---------- Data provided ----------

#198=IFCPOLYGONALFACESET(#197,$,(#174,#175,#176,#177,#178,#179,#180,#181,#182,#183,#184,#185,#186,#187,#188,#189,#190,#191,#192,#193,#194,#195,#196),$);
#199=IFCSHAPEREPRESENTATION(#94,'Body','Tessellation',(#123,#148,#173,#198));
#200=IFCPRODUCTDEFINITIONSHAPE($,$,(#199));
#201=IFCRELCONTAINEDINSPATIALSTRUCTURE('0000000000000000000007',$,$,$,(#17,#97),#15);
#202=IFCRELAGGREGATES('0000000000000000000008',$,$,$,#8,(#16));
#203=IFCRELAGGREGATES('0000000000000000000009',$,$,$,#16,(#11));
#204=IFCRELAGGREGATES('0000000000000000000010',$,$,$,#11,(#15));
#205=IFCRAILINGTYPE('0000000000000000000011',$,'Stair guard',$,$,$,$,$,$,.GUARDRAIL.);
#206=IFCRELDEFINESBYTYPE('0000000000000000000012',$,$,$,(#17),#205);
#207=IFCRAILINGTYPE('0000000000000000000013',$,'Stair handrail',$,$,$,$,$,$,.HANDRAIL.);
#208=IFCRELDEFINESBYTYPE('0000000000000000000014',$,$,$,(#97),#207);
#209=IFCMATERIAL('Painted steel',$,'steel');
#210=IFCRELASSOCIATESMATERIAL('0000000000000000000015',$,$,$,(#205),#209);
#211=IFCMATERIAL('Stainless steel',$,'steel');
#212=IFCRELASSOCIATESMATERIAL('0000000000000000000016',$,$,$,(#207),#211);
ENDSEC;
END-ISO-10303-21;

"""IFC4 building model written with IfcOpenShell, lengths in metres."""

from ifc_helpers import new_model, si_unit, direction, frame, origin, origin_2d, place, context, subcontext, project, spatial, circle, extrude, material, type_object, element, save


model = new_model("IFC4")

----------

• [Exercise prompt]: Filter on the word "IFCMATERIAL": copy each matching line from the entries above.

• [Response to this exercise]:
#209=IFCMATERIAL('Painted steel',$,'steel');
#211=IFCMATERIAL('Stainless steel',$,'steel');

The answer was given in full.